▶ Task directions: Reproduce word for word, from the entries below, the line with "#166=IFCINDEXEDPOLYGONALFACE((1,5,6,2));", the line with "#180=IFCINDEXEDPOLYGONALFACE((3,4,8,7));", and every line between them, and nothing more.

▶ Records provided:
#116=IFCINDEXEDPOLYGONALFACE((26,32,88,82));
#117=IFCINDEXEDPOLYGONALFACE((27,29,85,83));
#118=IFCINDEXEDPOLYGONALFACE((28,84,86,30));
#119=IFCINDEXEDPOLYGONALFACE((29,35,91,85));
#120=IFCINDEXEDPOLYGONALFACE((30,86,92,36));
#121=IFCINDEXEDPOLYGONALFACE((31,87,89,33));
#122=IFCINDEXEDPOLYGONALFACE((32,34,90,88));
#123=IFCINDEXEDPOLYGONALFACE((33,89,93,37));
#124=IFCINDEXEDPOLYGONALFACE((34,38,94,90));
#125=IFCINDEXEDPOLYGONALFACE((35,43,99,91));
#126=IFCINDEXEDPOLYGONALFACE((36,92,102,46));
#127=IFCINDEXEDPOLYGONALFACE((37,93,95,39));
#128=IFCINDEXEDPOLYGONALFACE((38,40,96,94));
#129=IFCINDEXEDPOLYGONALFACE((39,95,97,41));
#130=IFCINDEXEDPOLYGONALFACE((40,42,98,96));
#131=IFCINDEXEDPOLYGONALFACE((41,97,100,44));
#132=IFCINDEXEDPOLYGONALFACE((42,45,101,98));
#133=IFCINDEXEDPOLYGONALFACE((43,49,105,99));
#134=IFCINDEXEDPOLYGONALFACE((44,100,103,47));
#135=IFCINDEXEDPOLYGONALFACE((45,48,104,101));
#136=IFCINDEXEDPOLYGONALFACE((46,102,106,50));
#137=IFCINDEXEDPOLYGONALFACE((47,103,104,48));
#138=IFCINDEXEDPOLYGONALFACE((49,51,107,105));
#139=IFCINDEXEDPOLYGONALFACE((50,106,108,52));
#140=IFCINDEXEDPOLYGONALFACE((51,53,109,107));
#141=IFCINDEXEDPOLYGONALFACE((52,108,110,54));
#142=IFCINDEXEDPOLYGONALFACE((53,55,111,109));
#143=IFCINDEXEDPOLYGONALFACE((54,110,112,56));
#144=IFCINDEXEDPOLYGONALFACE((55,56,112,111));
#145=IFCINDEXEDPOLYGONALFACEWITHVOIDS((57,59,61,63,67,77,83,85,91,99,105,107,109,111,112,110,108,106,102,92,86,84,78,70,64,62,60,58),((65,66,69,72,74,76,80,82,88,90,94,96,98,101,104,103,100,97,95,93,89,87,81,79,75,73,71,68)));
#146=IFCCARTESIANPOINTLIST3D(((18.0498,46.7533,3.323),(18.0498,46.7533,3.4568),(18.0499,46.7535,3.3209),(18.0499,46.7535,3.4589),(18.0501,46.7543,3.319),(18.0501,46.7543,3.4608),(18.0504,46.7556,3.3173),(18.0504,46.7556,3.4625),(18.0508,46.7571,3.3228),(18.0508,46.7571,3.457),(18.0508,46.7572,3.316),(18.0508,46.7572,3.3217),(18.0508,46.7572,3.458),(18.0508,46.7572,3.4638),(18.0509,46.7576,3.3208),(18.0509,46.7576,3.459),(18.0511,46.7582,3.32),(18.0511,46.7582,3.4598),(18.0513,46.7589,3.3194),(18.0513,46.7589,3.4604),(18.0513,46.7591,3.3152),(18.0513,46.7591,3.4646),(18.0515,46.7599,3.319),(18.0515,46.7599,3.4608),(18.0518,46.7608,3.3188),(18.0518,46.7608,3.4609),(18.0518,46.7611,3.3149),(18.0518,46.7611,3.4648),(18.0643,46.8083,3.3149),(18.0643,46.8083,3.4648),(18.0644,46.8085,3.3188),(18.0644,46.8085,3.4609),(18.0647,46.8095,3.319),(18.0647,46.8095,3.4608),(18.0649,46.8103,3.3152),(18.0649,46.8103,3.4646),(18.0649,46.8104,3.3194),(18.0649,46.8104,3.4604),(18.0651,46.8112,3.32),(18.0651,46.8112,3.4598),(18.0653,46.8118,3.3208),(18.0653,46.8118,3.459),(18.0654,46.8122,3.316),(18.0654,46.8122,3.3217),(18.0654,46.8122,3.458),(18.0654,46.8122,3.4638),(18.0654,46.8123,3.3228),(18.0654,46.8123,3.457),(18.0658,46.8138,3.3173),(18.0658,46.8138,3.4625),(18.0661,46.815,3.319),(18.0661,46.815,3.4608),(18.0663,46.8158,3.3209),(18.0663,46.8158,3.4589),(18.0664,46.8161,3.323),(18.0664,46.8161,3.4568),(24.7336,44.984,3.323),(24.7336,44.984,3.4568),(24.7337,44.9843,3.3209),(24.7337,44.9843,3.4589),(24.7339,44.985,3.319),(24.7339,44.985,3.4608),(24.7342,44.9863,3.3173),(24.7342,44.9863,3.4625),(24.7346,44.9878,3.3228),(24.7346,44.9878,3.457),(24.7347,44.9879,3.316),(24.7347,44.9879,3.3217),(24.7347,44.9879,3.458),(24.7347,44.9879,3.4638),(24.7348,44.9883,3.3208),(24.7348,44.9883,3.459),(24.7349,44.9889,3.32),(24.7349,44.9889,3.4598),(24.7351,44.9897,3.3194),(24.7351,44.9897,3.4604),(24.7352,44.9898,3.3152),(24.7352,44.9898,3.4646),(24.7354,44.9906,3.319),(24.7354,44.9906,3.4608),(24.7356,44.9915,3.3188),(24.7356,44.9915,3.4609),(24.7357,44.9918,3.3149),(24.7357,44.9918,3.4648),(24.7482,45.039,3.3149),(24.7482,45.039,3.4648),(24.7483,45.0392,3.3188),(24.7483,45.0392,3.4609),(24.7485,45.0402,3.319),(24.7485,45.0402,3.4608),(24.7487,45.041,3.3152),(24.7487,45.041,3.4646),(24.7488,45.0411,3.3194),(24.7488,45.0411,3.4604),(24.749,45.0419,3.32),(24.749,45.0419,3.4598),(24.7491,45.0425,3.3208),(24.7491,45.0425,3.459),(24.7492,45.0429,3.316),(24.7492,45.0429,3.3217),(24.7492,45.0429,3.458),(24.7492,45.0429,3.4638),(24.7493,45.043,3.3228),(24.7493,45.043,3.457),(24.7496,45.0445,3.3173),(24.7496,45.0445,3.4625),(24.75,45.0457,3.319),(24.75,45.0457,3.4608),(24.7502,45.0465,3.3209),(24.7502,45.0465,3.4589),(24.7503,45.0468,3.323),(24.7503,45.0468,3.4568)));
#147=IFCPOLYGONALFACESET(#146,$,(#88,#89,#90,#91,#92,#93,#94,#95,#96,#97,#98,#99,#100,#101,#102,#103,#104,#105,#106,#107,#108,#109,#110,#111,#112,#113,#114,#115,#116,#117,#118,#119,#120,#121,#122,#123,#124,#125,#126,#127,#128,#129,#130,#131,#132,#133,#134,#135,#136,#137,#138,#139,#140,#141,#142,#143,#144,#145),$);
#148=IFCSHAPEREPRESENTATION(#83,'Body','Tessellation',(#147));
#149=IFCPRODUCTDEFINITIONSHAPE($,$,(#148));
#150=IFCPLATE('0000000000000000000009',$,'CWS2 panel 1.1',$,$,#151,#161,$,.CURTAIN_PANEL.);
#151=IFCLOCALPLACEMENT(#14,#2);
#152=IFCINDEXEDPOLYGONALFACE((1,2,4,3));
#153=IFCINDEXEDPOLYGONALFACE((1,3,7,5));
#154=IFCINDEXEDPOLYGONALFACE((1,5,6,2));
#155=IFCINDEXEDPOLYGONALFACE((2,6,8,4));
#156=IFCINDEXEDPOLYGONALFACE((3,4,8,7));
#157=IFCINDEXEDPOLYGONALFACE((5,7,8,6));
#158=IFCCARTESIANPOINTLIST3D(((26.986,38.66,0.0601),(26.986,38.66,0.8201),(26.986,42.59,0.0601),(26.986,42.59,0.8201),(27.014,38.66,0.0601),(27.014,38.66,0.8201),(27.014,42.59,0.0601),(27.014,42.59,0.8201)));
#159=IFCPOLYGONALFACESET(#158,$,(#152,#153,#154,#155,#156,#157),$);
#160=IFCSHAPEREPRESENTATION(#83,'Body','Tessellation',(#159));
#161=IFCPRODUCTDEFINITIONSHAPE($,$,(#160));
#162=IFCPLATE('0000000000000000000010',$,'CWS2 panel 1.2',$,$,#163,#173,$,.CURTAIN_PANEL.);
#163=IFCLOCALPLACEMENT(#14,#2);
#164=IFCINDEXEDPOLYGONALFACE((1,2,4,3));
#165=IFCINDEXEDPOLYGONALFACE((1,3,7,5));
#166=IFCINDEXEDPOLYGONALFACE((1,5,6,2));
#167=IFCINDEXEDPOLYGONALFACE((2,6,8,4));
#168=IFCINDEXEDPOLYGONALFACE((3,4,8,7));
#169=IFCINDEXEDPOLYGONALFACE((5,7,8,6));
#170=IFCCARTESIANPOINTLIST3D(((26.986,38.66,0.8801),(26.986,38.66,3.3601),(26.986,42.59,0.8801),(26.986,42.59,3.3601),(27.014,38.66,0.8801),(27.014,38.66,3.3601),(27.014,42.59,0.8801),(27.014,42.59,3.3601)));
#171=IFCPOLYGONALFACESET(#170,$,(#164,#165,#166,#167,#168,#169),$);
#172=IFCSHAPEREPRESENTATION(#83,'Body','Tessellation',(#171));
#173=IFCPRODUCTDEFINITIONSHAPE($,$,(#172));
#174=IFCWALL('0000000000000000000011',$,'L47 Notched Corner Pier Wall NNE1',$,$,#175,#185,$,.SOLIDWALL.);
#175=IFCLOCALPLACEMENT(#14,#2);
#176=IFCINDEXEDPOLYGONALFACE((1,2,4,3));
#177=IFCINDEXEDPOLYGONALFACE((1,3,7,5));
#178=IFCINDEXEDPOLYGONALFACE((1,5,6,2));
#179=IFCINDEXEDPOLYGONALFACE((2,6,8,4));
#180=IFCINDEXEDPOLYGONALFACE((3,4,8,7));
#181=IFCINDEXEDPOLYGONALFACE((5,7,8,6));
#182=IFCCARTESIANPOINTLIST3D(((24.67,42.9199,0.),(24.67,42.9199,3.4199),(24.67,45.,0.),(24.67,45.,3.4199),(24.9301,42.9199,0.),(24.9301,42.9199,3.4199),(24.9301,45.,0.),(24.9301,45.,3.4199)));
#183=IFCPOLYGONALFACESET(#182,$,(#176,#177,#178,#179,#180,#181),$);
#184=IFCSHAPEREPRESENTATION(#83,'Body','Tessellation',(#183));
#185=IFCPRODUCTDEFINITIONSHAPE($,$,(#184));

▶ Solution to the exercise:
#166=IFCINDEXEDPOLYGONALFACE((1,5,6,2));
#167=IFCINDEXEDPOLYGONALFACE((2,6,8,4));
#168=IFCINDEXEDPOLYGONALFACE((3,4,8,7));
#169=IFCINDEXEDPOLYGONALFACE((5,7,8,6));
#170=IFCCARTESIANPOINTLIST3D(((26.986,38.66,0.8801),(26.986,38.66,3.3601),(26.986,42.59,0.8801),(26.986,42.59,3.3601),(27.014,38.66,0.8801),(27.014,38.66,3.3601),(27.014,42.59,0.8801),(27.014,42.59,3.3601)));
#171=IFCPOLYGONALFACESET(#170,$,(#164,#165,#166,#167,#168,#169),$);
#172=IFCSHAPEREPRESENTATION(#83,'Body','Tessellation',(#171));
#173=IFCPRODUCTDEFINITIONSHAPE($,$,(#172));
#174=IFCWALL('0000000000000000000011',$,'L47 Notched Corner Pier Wall NNE1',$,$,#175,#185,$,.SOLIDWALL.);
#175=IFCLOCALPLACEMENT(#14,#2);
#176=IFCINDEXEDPOLYGONALFACE((1,2,4,3));
#177=IFCINDEXEDPOLYGONALFACE((1,3,7,5));
#178=IFCINDEXEDPOLYGONALFACE((1,5,6,2));
#179=IFCINDEXEDPOLYGONALFACE((2,6,8,4));
#180=IFCINDEXEDPOLYGONALFACE((3,4,8,7));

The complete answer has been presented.